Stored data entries
|---|
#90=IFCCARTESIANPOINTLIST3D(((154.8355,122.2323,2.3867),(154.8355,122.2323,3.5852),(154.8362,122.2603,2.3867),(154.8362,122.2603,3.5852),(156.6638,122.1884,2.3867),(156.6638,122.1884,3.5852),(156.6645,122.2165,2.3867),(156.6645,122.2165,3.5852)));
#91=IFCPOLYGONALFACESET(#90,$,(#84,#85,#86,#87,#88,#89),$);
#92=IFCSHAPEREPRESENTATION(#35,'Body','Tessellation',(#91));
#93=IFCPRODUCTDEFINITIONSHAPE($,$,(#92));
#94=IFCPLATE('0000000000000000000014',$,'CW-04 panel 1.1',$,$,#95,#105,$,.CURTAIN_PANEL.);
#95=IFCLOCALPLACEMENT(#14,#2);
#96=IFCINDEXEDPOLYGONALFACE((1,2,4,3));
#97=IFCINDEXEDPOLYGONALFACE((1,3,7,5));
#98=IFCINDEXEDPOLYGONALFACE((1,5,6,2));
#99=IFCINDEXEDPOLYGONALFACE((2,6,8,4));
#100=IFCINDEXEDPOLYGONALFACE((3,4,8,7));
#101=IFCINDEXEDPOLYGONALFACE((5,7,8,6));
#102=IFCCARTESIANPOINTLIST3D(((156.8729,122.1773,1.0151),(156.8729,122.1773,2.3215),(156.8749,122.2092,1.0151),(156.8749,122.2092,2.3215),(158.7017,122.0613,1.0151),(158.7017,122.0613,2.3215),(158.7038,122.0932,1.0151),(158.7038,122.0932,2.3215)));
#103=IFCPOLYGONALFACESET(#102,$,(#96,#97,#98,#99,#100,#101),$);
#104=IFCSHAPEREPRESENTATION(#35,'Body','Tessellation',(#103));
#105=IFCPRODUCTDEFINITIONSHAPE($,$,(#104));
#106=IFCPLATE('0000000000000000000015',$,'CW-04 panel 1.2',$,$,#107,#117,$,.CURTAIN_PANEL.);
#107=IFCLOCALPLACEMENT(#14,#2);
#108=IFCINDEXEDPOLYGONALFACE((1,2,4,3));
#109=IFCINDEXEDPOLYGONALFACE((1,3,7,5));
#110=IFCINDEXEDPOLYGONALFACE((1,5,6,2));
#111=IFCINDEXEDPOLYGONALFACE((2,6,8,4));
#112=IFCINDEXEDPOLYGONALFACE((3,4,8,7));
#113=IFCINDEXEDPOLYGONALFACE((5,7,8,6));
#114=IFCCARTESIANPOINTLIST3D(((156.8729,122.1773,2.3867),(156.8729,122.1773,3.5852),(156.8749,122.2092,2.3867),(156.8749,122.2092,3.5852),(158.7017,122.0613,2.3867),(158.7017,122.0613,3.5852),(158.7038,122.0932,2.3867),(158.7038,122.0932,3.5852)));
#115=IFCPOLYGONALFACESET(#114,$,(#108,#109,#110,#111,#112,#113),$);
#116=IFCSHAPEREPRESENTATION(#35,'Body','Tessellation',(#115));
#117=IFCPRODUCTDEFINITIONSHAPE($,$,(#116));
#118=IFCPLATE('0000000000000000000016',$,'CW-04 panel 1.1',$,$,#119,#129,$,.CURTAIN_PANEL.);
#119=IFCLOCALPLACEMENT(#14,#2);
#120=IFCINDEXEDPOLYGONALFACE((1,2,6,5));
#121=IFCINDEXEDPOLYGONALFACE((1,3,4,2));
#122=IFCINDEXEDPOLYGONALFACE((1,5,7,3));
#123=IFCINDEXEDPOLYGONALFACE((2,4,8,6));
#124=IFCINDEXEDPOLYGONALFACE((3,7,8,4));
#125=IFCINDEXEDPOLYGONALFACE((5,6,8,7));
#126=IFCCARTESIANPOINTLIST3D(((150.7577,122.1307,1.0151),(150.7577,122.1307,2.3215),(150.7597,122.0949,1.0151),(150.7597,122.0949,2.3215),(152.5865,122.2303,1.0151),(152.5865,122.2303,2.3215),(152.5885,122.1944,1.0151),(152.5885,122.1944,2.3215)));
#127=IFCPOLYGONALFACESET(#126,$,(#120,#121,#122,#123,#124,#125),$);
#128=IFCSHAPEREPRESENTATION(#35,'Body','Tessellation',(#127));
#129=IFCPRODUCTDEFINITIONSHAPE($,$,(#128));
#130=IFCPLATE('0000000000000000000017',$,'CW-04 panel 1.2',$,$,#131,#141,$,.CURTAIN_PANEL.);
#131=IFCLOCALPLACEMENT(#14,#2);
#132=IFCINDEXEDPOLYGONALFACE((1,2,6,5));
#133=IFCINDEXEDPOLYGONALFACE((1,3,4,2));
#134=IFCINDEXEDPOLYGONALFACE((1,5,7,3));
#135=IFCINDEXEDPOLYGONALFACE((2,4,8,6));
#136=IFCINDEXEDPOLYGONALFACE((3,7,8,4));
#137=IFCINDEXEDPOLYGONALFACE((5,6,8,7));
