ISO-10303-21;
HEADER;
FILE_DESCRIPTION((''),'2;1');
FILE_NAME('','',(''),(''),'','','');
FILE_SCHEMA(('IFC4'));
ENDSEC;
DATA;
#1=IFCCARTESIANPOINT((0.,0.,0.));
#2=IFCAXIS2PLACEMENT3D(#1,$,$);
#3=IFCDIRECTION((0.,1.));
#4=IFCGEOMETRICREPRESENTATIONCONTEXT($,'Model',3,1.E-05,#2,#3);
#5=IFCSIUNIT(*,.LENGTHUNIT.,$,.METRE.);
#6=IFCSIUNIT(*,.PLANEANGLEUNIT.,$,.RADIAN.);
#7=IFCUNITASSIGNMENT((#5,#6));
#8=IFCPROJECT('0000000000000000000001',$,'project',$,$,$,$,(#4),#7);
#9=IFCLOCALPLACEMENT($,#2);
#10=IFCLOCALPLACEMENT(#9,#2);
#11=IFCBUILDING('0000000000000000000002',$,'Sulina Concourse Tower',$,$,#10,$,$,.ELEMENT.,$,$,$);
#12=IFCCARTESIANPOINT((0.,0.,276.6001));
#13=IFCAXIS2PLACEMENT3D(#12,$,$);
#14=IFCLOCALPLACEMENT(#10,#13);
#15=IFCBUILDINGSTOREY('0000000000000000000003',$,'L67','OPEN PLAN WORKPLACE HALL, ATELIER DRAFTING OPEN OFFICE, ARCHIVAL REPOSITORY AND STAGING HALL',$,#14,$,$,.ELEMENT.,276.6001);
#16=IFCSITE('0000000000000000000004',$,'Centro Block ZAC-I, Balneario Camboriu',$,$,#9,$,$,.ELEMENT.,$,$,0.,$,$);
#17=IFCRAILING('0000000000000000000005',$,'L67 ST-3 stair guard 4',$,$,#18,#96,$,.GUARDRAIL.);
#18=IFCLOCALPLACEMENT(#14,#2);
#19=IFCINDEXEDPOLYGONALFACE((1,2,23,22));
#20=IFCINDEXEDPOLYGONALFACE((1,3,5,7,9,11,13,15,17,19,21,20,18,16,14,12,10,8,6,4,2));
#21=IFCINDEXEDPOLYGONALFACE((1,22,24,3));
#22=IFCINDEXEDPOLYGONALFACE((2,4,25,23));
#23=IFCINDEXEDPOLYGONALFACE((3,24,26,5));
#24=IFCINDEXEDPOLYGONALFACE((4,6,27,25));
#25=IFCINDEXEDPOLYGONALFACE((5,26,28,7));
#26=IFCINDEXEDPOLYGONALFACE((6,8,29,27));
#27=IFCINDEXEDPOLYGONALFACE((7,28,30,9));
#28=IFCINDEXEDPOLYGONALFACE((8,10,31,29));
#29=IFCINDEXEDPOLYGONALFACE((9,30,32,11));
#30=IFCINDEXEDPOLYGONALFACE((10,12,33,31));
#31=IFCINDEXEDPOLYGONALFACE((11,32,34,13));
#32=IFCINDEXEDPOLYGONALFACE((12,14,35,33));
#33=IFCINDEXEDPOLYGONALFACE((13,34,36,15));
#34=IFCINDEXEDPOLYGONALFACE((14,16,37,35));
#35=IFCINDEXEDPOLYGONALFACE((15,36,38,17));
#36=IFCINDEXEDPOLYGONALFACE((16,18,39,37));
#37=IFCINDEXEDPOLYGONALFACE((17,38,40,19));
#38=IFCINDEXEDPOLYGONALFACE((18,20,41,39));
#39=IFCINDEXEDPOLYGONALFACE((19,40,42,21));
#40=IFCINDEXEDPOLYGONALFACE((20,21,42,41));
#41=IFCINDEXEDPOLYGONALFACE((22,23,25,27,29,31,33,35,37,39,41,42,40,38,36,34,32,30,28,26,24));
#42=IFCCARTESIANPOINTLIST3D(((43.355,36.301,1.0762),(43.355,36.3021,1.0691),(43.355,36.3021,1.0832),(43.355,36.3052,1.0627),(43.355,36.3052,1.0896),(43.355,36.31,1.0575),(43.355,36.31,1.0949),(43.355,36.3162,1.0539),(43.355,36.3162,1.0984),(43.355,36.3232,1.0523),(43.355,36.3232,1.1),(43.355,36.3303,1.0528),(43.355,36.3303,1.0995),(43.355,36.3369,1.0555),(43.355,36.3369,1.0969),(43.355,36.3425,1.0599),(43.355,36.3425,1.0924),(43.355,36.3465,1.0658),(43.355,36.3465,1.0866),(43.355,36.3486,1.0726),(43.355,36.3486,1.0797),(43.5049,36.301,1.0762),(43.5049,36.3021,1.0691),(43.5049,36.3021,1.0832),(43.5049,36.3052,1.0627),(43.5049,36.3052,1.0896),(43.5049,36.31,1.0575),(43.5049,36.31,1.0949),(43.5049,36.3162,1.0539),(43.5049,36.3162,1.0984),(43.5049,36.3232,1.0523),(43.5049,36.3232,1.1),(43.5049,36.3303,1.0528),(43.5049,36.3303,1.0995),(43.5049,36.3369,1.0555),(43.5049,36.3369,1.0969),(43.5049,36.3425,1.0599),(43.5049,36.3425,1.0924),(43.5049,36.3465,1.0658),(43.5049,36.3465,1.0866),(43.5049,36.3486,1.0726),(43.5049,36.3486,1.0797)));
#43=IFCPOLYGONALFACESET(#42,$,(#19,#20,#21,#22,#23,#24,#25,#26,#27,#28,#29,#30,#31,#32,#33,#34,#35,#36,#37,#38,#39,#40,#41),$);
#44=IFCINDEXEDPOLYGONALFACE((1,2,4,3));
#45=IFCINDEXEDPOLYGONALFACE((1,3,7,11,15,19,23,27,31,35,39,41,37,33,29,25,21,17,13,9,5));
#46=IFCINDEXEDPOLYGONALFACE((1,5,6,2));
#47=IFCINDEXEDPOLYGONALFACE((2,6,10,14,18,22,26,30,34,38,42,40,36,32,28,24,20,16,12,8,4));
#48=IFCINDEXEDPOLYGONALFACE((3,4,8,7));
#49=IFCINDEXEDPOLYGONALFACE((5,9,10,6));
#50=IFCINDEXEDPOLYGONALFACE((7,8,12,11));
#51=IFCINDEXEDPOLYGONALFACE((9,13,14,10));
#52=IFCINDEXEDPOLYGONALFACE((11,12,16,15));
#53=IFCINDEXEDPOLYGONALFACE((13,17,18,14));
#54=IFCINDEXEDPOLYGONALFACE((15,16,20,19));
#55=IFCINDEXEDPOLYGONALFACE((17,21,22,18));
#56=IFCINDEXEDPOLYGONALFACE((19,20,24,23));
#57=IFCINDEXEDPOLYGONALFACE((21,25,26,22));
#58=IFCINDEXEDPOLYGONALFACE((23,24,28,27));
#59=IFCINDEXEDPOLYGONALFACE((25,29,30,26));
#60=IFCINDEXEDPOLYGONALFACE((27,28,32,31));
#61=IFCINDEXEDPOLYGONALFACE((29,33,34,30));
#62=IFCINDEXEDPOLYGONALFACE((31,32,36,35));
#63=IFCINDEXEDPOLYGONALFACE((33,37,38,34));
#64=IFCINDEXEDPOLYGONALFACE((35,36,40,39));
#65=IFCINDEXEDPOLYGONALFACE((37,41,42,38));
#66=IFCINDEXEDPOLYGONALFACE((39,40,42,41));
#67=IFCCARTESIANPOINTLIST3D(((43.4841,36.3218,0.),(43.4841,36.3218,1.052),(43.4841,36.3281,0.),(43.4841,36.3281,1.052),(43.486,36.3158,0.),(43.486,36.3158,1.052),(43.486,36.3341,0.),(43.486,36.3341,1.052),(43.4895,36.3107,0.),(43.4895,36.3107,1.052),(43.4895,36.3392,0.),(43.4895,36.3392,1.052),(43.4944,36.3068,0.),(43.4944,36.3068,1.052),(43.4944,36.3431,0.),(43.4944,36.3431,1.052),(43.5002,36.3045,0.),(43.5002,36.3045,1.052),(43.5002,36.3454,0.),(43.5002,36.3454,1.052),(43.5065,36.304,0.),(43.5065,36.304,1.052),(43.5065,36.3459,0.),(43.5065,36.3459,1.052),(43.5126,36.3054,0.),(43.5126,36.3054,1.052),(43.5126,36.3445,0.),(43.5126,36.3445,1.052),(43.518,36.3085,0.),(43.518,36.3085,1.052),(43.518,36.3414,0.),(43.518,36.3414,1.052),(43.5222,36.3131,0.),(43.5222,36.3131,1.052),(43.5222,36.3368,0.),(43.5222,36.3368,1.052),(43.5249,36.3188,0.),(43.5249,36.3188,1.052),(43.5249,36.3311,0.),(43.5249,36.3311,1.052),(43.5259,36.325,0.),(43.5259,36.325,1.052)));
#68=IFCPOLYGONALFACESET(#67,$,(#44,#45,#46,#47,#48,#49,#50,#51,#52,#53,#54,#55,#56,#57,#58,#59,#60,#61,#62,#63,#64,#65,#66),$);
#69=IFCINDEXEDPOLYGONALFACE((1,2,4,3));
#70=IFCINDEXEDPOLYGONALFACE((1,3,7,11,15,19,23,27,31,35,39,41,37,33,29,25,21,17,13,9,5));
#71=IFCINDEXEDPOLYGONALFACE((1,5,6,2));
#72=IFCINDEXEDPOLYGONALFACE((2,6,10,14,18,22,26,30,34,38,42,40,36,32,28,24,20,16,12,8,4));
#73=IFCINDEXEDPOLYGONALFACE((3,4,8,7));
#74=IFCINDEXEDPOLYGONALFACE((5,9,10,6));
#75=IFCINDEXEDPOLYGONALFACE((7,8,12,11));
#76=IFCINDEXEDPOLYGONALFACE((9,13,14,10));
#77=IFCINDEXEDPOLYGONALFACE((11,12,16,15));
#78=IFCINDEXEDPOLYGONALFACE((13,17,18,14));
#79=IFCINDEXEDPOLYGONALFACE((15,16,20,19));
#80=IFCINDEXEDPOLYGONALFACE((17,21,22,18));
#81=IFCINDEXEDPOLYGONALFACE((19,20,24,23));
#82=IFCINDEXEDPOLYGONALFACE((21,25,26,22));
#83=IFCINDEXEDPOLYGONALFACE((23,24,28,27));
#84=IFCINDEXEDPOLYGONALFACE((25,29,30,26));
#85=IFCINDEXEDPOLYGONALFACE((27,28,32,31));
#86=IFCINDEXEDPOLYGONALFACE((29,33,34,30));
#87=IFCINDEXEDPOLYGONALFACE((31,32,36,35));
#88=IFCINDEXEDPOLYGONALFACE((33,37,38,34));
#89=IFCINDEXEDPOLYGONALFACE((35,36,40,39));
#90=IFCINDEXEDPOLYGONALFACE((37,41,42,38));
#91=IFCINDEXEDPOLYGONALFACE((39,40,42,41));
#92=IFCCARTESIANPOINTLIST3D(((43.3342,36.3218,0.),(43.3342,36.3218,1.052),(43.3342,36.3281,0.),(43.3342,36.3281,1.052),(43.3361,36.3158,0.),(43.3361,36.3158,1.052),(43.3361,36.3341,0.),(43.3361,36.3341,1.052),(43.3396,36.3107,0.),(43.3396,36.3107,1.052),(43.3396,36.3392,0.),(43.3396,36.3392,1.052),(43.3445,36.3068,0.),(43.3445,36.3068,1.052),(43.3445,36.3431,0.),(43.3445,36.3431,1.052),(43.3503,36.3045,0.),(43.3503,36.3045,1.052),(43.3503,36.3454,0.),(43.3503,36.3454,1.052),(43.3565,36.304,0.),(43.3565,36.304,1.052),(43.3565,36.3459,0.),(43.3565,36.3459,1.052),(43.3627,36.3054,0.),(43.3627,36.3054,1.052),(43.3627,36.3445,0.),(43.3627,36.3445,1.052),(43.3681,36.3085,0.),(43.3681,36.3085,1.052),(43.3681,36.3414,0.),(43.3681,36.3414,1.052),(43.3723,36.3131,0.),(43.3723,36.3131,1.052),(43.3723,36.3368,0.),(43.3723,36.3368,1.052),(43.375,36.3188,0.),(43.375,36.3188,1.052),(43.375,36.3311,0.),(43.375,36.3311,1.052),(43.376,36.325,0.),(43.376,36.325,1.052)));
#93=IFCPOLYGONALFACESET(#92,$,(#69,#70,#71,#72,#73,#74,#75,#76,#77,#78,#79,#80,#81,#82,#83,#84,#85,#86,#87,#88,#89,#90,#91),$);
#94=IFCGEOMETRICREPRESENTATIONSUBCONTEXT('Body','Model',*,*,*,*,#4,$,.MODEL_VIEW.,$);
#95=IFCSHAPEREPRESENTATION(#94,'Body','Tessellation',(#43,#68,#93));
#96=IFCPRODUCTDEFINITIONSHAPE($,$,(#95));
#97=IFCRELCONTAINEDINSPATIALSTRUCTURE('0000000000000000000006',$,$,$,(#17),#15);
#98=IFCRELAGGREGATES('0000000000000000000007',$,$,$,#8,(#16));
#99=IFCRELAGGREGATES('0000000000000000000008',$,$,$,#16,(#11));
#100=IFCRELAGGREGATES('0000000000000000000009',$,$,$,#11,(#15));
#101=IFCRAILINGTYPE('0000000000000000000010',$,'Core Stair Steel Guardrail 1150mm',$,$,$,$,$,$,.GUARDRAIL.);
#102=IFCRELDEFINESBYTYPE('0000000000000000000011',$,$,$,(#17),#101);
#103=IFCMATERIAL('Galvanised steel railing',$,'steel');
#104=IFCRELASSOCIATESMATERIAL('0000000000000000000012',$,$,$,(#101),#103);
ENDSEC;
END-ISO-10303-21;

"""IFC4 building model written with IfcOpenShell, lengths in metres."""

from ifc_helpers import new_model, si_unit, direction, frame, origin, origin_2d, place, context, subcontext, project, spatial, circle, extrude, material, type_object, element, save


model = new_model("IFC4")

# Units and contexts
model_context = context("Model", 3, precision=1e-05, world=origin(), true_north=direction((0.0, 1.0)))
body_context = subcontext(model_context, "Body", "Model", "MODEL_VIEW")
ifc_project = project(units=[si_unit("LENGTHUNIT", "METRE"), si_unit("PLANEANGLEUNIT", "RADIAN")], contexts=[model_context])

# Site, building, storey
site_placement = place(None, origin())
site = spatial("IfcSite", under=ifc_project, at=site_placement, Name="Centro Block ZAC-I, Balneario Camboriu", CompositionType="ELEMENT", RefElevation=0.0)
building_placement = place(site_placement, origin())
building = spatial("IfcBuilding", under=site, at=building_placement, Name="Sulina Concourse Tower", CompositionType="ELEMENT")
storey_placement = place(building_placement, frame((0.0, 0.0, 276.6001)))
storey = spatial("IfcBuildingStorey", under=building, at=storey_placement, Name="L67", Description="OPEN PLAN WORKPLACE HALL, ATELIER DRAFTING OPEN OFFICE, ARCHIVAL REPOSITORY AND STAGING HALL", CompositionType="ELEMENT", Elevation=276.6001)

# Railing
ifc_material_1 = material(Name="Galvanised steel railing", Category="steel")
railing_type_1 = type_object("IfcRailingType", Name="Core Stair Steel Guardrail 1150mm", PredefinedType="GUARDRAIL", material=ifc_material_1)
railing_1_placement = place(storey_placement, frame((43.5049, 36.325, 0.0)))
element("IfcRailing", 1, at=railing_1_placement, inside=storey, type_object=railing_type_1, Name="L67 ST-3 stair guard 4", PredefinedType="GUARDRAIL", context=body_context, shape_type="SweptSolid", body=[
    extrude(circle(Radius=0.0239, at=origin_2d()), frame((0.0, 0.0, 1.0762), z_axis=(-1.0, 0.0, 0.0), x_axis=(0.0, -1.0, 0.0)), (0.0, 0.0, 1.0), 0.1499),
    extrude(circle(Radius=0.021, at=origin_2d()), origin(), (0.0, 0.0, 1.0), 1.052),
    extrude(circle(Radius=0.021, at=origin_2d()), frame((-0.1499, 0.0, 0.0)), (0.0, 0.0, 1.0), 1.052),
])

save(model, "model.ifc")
|---|
TRY IT | Would you please repeat exactly the lines above, starting at the line with "#63=IFCINDEXEDPOLYGONALFACE((33,37,38,34));" and stopping at the line with "#66=IFCINDEXEDPOLYGONALFACE((39,40,42,41));", both included?

TASK OUTPUT |
#63=IFCINDEXEDPOLYGONALFACE((33,37,38,34));
#64=IFCINDEXEDPOLYGONALFACE((35,36,40,39));
#65=IFCINDEXEDPOLYGONALFACE((37,41,42,38));
#66=IFCINDEXEDPOLYGONALFACE((39,40,42,41));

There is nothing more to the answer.